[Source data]
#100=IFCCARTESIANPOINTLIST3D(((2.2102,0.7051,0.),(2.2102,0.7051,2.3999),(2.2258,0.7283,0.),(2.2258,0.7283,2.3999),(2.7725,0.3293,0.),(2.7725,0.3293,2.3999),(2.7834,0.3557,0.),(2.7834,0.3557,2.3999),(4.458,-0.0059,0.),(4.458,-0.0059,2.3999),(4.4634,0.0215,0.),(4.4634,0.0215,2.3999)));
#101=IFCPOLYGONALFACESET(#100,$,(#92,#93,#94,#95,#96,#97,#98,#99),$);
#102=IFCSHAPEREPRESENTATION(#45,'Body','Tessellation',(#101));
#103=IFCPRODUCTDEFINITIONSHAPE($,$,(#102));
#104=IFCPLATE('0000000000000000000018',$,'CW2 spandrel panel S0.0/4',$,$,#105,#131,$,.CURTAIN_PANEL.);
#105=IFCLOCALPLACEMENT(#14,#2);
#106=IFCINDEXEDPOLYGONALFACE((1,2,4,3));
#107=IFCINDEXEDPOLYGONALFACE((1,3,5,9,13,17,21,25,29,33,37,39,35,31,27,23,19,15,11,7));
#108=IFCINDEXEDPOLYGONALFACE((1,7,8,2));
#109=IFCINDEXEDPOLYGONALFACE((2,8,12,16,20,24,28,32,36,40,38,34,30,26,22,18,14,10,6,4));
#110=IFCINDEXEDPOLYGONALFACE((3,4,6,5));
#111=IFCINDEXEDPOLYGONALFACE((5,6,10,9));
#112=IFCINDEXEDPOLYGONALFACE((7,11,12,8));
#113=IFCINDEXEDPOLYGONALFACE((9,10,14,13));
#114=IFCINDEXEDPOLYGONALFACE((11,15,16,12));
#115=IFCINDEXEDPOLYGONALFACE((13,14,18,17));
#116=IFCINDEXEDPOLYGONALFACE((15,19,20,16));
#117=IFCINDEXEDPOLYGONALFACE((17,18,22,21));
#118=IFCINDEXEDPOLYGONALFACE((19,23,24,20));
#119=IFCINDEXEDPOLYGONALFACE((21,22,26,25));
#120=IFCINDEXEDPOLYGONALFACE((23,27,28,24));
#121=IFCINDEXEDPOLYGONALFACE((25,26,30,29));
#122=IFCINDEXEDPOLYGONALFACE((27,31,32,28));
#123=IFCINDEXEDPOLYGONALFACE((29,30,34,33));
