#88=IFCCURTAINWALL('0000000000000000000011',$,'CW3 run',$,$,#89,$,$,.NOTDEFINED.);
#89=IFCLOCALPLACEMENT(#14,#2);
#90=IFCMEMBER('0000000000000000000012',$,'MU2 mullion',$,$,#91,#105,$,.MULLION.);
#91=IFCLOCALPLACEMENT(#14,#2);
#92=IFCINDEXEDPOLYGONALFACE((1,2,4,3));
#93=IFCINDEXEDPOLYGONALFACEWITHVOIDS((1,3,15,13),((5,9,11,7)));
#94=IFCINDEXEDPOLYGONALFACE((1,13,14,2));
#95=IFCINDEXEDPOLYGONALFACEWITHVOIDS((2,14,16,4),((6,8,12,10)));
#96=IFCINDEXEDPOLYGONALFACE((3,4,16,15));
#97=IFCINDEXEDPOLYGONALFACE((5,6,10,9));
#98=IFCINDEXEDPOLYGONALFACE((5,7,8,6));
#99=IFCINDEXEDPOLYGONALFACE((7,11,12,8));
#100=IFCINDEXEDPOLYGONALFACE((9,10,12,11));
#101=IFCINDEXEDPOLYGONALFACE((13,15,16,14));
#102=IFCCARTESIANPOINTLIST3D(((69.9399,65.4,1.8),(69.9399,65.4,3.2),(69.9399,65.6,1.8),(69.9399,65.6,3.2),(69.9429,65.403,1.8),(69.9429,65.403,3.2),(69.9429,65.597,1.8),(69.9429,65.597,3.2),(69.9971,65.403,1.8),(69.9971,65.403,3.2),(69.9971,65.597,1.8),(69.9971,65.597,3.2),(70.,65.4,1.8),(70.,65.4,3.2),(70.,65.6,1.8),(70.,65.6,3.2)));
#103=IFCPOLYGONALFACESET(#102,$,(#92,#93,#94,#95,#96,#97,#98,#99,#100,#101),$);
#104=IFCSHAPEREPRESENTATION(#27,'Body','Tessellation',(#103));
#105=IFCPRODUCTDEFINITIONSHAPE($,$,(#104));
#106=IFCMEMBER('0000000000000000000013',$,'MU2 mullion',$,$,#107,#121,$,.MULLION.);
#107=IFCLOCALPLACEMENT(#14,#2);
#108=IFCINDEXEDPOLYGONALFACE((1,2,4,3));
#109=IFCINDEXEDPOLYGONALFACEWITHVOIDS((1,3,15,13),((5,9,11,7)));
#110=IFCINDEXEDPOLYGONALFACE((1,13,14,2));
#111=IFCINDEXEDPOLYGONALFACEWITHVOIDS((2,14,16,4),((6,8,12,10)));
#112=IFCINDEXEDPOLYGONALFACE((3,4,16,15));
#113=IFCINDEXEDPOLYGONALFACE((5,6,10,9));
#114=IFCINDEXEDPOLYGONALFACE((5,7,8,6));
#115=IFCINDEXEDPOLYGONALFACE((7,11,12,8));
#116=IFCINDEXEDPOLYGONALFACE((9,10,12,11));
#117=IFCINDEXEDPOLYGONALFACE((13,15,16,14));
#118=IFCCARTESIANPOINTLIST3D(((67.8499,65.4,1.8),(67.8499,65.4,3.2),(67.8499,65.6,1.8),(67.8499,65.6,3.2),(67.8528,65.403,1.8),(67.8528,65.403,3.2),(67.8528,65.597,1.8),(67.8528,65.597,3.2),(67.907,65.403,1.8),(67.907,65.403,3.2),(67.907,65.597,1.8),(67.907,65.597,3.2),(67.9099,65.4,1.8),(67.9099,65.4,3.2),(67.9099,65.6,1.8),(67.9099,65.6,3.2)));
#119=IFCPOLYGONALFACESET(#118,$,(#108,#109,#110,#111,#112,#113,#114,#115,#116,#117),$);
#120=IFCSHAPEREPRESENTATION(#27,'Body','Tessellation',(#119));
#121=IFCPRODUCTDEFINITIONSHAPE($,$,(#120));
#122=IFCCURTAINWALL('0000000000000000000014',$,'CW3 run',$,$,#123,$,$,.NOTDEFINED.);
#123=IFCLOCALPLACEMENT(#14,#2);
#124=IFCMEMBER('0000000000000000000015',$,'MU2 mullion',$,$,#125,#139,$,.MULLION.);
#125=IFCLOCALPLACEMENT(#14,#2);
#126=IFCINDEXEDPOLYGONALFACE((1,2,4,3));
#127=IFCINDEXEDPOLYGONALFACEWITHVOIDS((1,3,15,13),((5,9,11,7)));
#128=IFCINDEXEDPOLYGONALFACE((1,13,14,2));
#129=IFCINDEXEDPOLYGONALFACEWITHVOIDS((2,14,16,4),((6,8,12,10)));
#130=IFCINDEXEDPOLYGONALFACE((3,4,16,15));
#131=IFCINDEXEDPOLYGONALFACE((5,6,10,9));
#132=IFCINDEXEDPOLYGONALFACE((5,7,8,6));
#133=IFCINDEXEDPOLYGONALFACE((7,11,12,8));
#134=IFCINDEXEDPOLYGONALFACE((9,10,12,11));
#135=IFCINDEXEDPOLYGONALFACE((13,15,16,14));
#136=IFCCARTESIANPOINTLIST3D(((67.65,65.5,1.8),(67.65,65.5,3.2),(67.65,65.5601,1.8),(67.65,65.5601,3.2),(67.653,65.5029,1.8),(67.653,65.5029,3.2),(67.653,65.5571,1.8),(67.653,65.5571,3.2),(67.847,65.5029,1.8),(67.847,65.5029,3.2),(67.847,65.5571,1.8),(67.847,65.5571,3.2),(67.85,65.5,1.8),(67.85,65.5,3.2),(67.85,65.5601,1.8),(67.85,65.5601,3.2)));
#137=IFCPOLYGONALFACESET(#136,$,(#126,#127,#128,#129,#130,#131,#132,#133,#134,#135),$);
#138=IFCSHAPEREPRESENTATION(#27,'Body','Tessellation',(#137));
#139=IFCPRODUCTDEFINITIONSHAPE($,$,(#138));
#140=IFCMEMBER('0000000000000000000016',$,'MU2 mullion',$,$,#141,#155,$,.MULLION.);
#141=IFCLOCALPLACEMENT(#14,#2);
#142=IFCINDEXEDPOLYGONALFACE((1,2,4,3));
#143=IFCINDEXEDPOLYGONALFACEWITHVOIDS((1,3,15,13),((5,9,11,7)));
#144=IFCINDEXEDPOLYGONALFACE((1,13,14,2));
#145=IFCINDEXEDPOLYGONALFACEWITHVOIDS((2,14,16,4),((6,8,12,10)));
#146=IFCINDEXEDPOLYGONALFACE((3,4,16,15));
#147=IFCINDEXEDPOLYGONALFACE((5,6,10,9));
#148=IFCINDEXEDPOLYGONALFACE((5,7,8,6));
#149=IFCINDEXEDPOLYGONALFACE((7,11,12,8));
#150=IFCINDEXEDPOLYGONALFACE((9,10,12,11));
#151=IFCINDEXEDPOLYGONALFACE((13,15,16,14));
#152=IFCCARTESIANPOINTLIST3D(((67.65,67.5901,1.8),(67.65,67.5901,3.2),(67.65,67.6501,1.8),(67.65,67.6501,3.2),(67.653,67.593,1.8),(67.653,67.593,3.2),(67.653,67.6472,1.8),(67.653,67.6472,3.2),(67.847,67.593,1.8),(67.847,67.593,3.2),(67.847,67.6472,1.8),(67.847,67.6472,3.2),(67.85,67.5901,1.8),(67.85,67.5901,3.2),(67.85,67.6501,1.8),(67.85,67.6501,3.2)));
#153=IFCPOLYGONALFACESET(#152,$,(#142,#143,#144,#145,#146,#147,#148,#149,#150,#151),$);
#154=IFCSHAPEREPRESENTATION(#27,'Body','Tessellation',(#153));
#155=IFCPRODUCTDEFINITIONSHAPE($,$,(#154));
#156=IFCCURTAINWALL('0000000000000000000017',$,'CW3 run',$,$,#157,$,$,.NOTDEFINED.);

§ **Required action**: Exact duplication is required for the lines above, from the line that contains "#121=IFCPRODUCTDEFINITIONSHAPE($,$,(#120));" to the line that contains "#135=IFCINDEXEDPOLYGONALFACE((13,15,16,14));", inclusive; omit all others.

§ **Result**:
#121=IFCPRODUCTDEFINITIONSHAPE($,$,(#120));
#122=IFCCURTAINWALL('0000000000000000000014',$,'CW3 run',$,$,#123,$,$,.NOTDEFINED.);
#123=IFCLOCALPLACEMENT(#14,#2);
#124=IFCMEMBER('0000000000000000000015',$,'MU2 mullion',$,$,#125,#139,$,.MULLION.);
#125=IFCLOCALPLACEMENT(#14,#2);
#126=IFCINDEXEDPOLYGONALFACE((1,2,4,3));
#127=IFCINDEXEDPOLYGONALFACEWITHVOIDS((1,3,15,13),((5,9,11,7)));
#128=IFCINDEXEDPOLYGONALFACE((1,13,14,2));
#129=IFCINDEXEDPOLYGONALFACEWITHVOIDS((2,14,16,4),((6,8,12,10)));
#130=IFCINDEXEDPOLYGONALFACE((3,4,16,15));
#131=IFCINDEXEDPOLYGONALFACE((5,6,10,9));
#132=IFCINDEXEDPOLYGONALFACE((5,7,8,6));
#133=IFCINDEXEDPOLYGONALFACE((7,11,12,8));
#134=IFCINDEXEDPOLYGONALFACE((9,10,12,11));
#135=IFCINDEXEDPOLYGONALFACE((13,15,16,14));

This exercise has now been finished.